What is being asked:
For each line below that contains the string "frame", copy that line.

Data to use:
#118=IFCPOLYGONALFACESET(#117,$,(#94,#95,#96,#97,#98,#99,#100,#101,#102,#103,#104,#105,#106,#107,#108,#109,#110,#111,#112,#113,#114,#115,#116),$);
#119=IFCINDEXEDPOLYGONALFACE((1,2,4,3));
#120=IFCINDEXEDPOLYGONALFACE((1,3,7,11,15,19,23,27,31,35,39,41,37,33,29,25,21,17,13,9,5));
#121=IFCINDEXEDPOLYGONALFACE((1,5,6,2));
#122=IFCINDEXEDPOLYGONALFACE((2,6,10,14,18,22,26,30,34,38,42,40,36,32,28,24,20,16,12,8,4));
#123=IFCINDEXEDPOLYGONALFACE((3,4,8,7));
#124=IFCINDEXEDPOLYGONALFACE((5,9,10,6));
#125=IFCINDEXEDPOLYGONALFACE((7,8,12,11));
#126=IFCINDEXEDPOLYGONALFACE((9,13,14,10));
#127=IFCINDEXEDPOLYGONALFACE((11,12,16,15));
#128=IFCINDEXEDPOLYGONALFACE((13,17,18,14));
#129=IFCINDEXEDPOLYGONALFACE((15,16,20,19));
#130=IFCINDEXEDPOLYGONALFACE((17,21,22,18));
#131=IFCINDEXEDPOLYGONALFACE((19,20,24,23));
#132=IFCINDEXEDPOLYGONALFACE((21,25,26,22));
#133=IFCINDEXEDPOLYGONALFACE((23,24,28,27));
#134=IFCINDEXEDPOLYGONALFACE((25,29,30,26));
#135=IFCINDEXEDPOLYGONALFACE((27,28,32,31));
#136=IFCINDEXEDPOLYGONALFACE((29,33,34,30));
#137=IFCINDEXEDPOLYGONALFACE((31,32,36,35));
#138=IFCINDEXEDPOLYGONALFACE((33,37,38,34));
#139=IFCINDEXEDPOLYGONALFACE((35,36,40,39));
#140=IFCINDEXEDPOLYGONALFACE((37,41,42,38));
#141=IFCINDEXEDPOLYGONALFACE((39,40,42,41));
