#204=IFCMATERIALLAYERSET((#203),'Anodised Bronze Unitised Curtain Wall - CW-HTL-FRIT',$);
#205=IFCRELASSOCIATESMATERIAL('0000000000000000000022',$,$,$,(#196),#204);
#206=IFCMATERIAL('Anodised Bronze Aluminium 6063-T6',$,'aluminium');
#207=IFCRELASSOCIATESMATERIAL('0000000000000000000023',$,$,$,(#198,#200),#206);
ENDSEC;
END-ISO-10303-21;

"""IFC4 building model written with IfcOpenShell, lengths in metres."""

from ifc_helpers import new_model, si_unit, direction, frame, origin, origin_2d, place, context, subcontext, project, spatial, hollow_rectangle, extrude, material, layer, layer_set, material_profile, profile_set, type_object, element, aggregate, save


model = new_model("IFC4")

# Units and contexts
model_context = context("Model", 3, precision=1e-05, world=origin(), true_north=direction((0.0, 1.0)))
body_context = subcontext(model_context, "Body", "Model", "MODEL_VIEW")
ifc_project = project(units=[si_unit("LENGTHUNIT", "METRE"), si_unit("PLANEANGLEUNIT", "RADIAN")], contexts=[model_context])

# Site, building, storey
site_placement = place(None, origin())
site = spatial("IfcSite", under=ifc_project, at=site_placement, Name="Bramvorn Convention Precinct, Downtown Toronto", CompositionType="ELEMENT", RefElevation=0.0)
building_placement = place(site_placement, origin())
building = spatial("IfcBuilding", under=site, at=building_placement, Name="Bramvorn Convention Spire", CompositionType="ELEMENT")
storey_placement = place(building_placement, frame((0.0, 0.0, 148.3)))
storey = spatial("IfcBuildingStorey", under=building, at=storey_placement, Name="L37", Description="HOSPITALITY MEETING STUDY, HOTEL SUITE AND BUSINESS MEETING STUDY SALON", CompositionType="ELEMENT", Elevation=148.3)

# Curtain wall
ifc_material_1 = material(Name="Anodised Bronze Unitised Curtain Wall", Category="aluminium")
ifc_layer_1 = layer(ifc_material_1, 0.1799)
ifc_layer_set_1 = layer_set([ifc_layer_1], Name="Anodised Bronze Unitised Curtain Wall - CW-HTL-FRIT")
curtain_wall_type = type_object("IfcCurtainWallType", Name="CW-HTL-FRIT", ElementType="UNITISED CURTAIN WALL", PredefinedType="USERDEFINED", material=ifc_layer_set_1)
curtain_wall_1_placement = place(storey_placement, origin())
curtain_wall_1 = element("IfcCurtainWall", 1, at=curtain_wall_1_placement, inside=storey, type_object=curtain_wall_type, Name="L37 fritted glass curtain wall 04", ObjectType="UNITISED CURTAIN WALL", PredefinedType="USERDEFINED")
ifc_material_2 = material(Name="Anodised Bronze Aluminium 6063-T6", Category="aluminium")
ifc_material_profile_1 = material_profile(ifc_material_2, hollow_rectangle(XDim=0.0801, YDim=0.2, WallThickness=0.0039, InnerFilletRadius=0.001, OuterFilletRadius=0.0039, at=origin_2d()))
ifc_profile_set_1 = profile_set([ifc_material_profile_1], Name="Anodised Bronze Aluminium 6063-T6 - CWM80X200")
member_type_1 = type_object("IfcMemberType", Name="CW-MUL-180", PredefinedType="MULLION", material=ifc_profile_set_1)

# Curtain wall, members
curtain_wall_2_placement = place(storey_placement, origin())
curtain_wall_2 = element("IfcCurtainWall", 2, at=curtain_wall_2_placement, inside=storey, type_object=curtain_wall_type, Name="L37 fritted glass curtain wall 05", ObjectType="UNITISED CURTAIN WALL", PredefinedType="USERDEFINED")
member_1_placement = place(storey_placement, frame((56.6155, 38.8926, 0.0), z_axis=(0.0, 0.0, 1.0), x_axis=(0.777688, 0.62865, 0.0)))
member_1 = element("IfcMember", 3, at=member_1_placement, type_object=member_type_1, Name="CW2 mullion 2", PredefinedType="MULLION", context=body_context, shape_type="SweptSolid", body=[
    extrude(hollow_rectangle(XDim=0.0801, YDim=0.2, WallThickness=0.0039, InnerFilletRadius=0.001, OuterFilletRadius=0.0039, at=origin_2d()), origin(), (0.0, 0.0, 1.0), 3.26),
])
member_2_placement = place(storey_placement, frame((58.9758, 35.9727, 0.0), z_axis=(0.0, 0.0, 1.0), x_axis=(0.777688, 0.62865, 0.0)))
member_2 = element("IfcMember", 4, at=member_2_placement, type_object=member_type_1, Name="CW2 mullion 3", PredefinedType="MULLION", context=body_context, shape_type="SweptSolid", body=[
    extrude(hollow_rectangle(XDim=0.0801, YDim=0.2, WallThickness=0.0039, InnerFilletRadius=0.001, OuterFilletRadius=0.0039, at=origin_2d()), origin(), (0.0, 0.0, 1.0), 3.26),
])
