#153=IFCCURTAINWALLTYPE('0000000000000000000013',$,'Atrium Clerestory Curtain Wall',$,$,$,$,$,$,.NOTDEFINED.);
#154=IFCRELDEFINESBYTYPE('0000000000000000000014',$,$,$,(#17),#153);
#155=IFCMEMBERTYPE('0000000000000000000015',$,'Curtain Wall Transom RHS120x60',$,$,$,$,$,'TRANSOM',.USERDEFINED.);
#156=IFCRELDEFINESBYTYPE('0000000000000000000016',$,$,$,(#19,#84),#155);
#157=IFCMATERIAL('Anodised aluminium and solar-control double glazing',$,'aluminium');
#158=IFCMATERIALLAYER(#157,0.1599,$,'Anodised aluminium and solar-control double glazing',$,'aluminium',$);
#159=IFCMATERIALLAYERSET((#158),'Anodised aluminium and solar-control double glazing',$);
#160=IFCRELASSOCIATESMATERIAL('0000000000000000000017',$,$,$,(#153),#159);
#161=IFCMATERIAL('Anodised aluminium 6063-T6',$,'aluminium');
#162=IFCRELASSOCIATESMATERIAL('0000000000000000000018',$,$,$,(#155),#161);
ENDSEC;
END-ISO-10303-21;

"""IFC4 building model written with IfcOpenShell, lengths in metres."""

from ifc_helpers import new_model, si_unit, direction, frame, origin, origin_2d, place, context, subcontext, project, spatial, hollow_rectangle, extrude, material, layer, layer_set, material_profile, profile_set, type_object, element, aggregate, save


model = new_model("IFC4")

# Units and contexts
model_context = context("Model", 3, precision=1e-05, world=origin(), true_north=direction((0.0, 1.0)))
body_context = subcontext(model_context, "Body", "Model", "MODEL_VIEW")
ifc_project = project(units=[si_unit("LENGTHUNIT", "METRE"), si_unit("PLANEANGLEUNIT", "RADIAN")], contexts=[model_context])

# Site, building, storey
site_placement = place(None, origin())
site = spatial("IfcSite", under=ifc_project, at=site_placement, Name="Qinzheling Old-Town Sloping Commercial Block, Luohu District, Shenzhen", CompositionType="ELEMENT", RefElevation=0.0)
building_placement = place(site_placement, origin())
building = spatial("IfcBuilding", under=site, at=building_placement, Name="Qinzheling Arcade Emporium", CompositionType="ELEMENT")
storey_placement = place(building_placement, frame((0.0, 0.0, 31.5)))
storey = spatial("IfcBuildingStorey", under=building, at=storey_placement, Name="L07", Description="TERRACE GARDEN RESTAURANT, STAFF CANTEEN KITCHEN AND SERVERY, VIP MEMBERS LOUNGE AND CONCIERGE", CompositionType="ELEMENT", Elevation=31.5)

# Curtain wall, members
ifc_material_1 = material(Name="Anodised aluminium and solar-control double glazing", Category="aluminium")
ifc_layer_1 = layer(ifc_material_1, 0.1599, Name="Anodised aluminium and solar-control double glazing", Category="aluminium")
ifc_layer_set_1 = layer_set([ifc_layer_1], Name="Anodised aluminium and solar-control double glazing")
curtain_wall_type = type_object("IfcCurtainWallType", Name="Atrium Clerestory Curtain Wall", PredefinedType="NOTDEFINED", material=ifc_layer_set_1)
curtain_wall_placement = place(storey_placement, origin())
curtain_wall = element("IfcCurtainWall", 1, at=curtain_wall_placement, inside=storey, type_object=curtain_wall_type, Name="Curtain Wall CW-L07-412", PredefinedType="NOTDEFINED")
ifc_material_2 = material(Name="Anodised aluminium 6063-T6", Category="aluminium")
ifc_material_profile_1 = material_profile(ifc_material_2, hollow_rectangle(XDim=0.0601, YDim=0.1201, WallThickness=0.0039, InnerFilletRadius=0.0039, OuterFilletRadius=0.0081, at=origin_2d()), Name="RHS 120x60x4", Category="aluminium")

Solved problem:
from ifc_helpers import new_model, si_unit, direction, frame, origin, origin_2d, place, context, subcontext, project, spatial, hollow_rectangle, extrude, material, layer, layer_set, material_profile, profile_set, type_object, element, aggregate, save
storey_placement = place(building_placement, frame((0.0, 0.0, 148.3)))
member_1_placement = place(storey_placement, frame((56.6155, 38.8926, 0.0), z_axis=(0.0, 0.0, 1.0), x_axis=(0.777688, 0.62865, 0.0)))
member_2_placement = place(storey_placement, frame((58.9758, 35.9727, 0.0), z_axis=(0.0, 0.0, 1.0), x_axis=(0.777688, 0.62865, 0.0)))
from ifc_helpers import new_model, si_unit, direction, frame, origin, origin_2d, place, context, subcontext, project, spatial, hollow_rectangle, extrude, material, layer, layer_set, material_profile, profile_set, type_object, element, aggregate, save
storey_placement = place(building_placement, frame((0.0, 0.0, 31.5)))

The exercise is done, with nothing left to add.